Look below for the line with "aluminium-glass curtain wall',$);", then give it again exactly, along with every line that comes after it, the final line included.

(Collected data entries)
▬▬▬▬▬▬
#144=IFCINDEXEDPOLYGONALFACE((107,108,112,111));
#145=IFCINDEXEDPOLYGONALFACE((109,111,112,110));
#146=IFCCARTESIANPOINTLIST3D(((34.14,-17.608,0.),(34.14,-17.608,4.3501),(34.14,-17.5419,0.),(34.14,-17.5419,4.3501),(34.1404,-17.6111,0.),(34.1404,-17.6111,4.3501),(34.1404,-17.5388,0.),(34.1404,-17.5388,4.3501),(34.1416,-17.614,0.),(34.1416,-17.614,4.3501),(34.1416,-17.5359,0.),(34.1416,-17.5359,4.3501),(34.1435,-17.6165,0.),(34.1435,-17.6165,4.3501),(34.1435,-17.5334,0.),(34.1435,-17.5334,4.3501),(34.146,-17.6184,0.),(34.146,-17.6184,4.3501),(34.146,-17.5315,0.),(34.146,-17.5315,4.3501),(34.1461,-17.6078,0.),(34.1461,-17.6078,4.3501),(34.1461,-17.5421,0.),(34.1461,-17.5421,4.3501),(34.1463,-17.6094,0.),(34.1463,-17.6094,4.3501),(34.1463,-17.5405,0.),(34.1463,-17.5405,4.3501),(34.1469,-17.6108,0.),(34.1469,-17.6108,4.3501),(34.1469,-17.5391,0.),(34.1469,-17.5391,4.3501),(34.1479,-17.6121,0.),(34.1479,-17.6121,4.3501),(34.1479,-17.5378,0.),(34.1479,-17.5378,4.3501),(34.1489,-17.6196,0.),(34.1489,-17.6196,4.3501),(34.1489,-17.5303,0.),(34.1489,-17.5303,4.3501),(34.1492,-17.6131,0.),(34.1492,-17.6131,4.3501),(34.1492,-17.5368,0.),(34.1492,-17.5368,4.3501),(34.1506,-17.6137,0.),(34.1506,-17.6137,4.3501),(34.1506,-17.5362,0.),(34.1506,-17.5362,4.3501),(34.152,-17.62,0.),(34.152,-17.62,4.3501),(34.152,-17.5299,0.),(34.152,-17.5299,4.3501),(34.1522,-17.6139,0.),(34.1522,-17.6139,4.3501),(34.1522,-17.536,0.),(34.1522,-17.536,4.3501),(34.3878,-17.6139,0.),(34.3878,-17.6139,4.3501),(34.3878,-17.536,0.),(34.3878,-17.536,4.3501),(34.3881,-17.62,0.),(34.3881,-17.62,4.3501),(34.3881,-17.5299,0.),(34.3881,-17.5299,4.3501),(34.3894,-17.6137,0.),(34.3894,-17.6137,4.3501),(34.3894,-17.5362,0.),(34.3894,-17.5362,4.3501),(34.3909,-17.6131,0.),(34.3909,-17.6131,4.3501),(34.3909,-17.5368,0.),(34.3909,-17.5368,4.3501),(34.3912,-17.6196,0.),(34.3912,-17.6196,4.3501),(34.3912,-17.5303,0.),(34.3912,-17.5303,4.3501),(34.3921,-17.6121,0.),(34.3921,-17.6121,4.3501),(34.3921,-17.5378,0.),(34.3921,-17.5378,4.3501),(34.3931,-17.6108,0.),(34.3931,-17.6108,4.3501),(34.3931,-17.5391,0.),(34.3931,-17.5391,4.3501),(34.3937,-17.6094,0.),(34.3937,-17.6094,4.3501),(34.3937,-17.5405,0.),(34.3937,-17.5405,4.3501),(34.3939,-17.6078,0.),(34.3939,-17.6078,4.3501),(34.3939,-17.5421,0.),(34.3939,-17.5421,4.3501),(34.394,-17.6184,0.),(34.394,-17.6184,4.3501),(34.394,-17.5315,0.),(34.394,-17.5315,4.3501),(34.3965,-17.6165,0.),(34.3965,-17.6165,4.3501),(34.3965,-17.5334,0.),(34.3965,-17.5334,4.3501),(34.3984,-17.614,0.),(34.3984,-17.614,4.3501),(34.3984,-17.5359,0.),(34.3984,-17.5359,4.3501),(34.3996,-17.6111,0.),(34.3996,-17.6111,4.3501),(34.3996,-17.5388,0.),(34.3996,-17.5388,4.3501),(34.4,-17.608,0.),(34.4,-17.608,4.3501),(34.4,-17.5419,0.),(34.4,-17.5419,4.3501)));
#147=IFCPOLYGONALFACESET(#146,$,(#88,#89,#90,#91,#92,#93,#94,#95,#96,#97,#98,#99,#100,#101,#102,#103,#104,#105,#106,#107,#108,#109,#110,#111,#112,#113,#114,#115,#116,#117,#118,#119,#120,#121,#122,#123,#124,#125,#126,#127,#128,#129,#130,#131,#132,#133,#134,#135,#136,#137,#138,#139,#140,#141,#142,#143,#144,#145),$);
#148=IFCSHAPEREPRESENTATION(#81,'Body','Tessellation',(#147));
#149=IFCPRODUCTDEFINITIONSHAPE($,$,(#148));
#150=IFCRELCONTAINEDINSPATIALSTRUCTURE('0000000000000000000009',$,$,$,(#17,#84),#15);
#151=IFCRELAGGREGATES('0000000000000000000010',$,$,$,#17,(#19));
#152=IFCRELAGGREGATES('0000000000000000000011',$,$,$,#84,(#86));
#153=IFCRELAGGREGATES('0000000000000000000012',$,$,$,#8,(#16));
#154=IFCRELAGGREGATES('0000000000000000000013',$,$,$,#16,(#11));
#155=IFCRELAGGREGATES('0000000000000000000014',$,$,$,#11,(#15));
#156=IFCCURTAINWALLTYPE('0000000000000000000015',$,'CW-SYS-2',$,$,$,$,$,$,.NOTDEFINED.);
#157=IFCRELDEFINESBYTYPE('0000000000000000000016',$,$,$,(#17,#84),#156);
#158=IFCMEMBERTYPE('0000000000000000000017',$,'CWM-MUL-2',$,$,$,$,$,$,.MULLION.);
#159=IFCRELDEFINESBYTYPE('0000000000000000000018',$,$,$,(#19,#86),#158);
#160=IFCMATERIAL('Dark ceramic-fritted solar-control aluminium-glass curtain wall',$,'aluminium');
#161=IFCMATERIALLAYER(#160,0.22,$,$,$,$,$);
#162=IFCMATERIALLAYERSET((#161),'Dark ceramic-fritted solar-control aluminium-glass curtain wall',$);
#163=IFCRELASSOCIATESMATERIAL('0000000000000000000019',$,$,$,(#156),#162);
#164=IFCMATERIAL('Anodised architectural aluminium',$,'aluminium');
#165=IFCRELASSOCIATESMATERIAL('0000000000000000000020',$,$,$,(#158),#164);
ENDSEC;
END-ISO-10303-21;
▬▬▬▬▬▬
| Finished task |
#162=IFCMATERIALLAYERSET((#161),'Dark ceramic-fritted solar-control aluminium-glass curtain wall',$);
#163=IFCRELASSOCIATESMATERIAL('0000000000000000000019',$,$,$,(#156),#162);
#164=IFCMATERIAL('Anodised architectural aluminium',$,'aluminium');
#165=IFCRELASSOCIATESMATERIAL('0000000000000000000020',$,$,$,(#158),#164);
ENDSEC;
END-ISO-10303-21;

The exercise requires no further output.